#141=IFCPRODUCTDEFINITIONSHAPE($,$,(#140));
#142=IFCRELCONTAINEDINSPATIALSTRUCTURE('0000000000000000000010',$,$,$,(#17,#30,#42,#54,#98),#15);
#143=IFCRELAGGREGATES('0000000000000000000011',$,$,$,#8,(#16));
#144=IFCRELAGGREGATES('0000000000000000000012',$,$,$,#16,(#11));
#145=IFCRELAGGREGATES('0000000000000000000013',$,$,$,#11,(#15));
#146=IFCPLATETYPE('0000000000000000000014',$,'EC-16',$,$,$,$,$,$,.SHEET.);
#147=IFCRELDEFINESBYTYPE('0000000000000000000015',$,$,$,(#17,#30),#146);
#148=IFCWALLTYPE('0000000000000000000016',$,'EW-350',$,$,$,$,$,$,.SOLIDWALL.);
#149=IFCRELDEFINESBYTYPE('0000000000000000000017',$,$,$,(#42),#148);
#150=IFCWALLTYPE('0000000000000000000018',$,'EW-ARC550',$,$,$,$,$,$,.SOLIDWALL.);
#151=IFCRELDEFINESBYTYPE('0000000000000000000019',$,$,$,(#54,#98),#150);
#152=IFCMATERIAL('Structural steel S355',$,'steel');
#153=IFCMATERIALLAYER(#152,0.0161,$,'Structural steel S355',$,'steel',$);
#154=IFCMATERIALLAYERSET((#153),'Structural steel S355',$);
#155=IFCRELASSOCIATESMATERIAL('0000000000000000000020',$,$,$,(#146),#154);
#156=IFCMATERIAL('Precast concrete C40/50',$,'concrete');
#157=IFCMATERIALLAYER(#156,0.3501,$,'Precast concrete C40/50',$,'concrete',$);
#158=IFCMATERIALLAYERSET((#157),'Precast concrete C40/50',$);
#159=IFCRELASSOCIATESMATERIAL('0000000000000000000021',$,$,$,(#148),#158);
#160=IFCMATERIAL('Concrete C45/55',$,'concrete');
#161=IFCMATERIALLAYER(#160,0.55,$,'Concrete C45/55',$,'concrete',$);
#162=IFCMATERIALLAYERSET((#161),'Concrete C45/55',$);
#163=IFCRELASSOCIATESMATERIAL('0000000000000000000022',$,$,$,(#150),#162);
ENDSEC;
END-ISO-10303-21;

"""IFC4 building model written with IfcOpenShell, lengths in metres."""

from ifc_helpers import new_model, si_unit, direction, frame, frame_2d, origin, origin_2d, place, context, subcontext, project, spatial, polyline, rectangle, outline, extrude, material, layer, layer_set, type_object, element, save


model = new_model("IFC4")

+--

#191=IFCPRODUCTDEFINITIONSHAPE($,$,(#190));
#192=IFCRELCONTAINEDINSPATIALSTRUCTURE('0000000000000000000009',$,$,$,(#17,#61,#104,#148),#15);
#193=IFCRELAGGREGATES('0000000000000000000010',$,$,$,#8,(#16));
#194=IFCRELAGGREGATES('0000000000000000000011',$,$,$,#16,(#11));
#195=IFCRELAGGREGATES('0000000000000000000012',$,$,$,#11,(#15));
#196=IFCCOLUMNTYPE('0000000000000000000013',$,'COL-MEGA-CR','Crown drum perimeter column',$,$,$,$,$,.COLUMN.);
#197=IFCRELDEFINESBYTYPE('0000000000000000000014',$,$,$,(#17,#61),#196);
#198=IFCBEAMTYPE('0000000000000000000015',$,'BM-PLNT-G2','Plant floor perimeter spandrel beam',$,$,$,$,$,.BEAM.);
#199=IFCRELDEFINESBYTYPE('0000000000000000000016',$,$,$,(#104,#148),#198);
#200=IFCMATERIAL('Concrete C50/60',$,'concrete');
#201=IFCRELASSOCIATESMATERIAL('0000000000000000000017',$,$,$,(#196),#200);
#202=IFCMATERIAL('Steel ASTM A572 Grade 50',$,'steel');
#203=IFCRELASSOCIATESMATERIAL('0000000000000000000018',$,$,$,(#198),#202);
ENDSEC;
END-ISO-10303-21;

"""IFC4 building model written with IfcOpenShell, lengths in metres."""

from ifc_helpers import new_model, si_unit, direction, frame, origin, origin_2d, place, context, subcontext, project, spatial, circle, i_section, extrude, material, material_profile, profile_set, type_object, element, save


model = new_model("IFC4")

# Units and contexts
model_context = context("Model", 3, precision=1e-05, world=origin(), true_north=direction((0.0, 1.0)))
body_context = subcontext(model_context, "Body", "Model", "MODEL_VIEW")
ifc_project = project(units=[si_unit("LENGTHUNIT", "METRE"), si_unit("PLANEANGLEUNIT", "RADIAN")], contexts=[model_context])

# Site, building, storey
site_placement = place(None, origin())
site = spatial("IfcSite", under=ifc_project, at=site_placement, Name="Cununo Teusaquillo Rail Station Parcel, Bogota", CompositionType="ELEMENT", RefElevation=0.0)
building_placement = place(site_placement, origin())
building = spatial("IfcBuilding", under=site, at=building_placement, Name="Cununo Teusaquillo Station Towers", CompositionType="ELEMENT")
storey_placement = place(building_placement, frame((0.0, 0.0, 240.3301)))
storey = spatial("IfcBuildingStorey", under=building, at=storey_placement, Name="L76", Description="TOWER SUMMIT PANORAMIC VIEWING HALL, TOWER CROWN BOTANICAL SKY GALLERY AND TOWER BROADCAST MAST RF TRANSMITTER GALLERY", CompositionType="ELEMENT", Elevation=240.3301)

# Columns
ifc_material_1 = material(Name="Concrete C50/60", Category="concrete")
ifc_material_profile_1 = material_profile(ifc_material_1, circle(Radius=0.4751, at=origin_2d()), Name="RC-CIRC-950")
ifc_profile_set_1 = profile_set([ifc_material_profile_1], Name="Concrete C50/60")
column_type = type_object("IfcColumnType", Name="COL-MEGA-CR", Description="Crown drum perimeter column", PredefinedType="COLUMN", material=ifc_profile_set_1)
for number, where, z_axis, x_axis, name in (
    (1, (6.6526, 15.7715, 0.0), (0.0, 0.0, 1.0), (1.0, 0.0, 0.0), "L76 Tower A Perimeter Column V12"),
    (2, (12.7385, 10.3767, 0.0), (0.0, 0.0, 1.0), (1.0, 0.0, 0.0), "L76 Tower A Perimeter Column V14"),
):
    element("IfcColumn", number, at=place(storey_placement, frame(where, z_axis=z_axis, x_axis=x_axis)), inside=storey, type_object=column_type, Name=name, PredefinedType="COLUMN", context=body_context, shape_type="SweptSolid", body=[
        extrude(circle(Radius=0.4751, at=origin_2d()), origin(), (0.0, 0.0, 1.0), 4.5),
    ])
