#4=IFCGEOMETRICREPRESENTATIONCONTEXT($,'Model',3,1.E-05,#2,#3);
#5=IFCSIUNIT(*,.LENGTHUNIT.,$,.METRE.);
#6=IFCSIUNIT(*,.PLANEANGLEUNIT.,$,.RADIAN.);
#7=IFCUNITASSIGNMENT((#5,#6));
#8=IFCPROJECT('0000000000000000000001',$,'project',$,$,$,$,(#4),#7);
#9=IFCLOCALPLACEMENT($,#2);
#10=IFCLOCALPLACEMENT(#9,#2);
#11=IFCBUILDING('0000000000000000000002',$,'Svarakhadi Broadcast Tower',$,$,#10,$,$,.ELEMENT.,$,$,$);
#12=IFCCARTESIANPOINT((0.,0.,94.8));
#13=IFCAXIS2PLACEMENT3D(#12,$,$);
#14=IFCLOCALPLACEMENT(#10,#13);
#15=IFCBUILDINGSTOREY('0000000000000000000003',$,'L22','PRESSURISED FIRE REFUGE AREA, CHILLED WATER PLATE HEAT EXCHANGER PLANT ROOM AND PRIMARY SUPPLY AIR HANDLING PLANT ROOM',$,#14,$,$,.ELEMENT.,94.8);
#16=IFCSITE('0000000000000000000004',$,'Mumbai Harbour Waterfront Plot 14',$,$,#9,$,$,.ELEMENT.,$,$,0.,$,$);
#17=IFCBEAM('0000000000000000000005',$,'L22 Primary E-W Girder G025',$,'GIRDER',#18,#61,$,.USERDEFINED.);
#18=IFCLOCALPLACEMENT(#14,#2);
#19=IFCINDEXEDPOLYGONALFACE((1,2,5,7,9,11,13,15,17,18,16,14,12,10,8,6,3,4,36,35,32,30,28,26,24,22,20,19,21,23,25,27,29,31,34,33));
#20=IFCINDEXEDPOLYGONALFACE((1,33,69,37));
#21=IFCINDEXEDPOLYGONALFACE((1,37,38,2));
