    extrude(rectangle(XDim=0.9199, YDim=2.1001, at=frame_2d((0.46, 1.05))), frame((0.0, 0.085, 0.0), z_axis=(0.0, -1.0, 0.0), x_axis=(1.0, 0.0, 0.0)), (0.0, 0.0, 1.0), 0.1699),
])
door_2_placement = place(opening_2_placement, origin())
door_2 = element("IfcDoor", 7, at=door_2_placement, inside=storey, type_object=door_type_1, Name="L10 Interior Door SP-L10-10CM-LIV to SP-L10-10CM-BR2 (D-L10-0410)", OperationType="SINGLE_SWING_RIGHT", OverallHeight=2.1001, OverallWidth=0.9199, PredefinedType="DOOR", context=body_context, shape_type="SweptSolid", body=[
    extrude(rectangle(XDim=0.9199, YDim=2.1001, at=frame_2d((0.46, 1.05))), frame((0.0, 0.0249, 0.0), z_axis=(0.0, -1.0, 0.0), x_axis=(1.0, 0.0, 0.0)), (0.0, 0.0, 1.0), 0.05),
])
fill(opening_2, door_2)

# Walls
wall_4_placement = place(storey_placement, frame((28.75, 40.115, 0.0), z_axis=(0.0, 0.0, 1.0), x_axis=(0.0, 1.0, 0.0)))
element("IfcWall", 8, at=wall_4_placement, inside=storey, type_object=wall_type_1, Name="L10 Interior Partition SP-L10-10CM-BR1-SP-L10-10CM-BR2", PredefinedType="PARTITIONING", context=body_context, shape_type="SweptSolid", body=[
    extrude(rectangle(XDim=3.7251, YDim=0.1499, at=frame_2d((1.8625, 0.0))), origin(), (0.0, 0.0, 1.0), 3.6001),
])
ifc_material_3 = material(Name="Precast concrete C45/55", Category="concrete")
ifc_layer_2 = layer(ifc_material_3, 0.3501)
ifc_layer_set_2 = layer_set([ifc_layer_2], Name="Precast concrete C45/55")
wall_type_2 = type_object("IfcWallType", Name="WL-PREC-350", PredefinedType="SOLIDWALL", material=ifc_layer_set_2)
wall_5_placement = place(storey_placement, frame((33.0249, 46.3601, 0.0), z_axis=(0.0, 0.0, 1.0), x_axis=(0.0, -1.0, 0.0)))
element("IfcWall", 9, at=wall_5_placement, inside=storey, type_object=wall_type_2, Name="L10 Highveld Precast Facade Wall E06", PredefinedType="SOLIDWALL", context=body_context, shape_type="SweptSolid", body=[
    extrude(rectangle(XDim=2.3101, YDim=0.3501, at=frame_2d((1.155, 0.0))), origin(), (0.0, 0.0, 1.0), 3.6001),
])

+--

● Directions for this task:
From the entries above, print the lines beginning at the one with "perimeter spandrel beam',$,$,$,$,$,.BEAM.);" and stopping after the one with "# Units and contexts", exactly as written and with nothing else.

● Answer to the problem:
#198=IFCBEAMTYPE('0000000000000000000015',$,'BM-PLNT-G2','Plant floor perimeter spandrel beam',$,$,$,$,$,.BEAM.);
#199=IFCRELDEFINESBYTYPE('0000000000000000000016',$,$,$,(#104,#148),#198);
#200=IFCMATERIAL('Concrete C50/60',$,'concrete');
#201=IFCRELASSOCIATESMATERIAL('0000000000000000000017',$,$,$,(#196),#200);
#202=IFCMATERIAL('Steel ASTM A572 Grade 50',$,'steel');
#203=IFCRELASSOCIATESMATERIAL('0000000000000000000018',$,$,$,(#198),#202);
ENDSEC;
END-ISO-10303-21;

"""IFC4 building model written with IfcOpenShell, lengths in metres."""

from ifc_helpers import new_model, si_unit, direction, frame, origin, origin_2d, place, context, subcontext, project, spatial, circle, i_section, extrude, material, material_profile, profile_set, type_object, element, save


model = new_model("IFC4")

# Units and contexts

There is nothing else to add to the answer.